▸ Required action: Using the listing below, set down each line from the line containing "#3=IFCDIRECTION((0.,1.));" through the line containing "#14=IFCLOCALPLACEMENT(#10,#13);", both ends included, exactly and with nothing added.

▸ Provided material:
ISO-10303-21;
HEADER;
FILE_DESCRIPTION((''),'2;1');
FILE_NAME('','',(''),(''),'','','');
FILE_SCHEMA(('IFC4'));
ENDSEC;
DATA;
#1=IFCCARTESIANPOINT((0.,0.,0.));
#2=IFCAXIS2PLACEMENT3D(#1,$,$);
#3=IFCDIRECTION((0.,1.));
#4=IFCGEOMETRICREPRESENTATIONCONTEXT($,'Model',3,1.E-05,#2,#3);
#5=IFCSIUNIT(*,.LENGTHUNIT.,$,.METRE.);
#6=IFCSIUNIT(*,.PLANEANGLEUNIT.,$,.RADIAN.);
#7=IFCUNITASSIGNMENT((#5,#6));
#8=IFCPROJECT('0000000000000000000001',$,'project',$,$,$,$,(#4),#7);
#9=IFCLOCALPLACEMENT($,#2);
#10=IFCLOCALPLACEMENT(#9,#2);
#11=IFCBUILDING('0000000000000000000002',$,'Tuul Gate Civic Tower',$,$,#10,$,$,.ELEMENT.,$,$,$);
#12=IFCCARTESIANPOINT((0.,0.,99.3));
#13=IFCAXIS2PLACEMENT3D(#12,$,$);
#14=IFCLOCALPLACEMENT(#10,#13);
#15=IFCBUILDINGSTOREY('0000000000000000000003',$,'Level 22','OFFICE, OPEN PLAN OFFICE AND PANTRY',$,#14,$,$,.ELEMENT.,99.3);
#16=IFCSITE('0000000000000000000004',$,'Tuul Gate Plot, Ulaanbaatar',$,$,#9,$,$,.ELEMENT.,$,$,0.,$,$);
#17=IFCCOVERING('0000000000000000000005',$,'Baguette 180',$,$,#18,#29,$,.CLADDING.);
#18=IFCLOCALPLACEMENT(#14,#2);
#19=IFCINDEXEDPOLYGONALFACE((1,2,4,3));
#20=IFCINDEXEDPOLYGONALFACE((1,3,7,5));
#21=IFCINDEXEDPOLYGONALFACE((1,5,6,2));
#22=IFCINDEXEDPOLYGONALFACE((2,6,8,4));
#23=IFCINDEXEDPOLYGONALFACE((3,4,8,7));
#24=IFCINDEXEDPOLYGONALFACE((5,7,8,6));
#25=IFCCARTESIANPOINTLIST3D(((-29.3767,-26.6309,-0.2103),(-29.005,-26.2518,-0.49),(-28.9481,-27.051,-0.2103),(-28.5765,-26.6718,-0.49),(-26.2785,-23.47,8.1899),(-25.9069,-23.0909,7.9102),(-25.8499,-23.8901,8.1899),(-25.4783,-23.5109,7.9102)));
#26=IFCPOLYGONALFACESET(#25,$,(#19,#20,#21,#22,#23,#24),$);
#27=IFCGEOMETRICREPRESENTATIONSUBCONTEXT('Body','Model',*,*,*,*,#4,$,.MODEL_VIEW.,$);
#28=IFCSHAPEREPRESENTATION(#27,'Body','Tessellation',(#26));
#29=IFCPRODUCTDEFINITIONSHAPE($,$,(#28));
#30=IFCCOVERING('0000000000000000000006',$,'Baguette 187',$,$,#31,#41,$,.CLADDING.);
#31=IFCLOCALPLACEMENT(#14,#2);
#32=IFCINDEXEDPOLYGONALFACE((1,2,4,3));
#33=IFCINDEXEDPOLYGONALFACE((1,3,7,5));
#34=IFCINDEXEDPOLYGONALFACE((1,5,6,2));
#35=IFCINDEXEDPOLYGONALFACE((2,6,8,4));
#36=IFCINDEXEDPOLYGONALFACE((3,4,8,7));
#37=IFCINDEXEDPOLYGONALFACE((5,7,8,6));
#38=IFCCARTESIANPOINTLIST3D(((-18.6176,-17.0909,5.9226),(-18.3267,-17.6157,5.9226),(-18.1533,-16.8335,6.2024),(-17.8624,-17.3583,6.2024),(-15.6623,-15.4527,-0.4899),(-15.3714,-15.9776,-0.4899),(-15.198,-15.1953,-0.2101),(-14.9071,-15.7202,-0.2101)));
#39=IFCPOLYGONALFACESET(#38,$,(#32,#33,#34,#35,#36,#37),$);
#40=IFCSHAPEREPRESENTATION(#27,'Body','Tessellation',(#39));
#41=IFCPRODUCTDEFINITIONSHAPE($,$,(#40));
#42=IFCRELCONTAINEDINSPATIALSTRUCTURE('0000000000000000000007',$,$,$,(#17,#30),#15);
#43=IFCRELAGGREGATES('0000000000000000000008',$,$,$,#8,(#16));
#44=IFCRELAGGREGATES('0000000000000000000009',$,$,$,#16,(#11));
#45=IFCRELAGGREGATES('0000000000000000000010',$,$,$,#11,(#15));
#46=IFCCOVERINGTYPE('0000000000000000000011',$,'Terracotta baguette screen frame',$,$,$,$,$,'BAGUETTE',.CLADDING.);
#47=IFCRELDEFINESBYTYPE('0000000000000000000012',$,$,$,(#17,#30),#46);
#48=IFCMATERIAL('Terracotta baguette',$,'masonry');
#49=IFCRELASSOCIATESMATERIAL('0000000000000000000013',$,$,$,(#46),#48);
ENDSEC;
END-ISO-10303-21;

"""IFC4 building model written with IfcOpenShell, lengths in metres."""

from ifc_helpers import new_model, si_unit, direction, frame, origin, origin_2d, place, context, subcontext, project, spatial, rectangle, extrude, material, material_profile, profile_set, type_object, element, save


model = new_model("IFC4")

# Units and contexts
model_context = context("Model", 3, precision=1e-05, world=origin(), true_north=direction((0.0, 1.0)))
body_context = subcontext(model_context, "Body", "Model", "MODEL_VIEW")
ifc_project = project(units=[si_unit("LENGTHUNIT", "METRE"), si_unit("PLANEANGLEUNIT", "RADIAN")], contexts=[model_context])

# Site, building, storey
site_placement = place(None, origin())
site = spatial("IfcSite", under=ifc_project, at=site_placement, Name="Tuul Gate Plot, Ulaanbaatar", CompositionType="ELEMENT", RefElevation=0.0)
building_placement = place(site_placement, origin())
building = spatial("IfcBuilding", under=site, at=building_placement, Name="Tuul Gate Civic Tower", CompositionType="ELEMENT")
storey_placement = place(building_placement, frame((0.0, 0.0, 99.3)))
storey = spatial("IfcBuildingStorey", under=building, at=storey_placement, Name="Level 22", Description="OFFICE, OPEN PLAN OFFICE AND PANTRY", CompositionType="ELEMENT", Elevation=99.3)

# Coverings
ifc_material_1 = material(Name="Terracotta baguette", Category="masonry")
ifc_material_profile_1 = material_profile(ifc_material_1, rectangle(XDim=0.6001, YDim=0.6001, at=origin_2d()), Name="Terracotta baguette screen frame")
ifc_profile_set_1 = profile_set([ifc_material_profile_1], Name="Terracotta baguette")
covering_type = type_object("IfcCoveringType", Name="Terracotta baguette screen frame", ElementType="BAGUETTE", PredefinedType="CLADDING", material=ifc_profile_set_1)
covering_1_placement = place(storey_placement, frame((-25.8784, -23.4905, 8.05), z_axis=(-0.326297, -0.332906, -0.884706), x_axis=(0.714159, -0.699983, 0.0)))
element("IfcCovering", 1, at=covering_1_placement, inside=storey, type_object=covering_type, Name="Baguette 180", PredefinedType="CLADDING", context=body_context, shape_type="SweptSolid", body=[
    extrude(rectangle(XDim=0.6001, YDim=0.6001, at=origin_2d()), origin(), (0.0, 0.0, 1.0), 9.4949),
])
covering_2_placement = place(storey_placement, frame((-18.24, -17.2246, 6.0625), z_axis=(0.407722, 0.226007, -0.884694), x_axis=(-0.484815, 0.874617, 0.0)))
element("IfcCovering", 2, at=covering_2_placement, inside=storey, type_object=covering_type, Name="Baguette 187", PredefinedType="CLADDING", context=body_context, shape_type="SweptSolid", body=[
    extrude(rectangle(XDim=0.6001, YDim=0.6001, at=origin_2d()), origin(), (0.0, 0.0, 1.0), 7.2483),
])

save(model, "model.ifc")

▸ Answer area:
#3=IFCDIRECTION((0.,1.));
#4=IFCGEOMETRICREPRESENTATIONCONTEXT($,'Model',3,1.E-05,#2,#3);
#5=IFCSIUNIT(*,.LENGTHUNIT.,$,.METRE.);
#6=IFCSIUNIT(*,.PLANEANGLEUNIT.,$,.RADIAN.);
#7=IFCUNITASSIGNMENT((#5,#6));
#8=IFCPROJECT('0000000000000000000001',$,'project',$,$,$,$,(#4),#7);
#9=IFCLOCALPLACEMENT($,#2);
#10=IFCLOCALPLACEMENT(#9,#2);
#11=IFCBUILDING('0000000000000000000002',$,'Tuul Gate Civic Tower',$,$,#10,$,$,.ELEMENT.,$,$,$);
#12=IFCCARTESIANPOINT((0.,0.,99.3));
#13=IFCAXIS2PLACEMENT3D(#12,$,$);
#14=IFCLOCALPLACEMENT(#10,#13);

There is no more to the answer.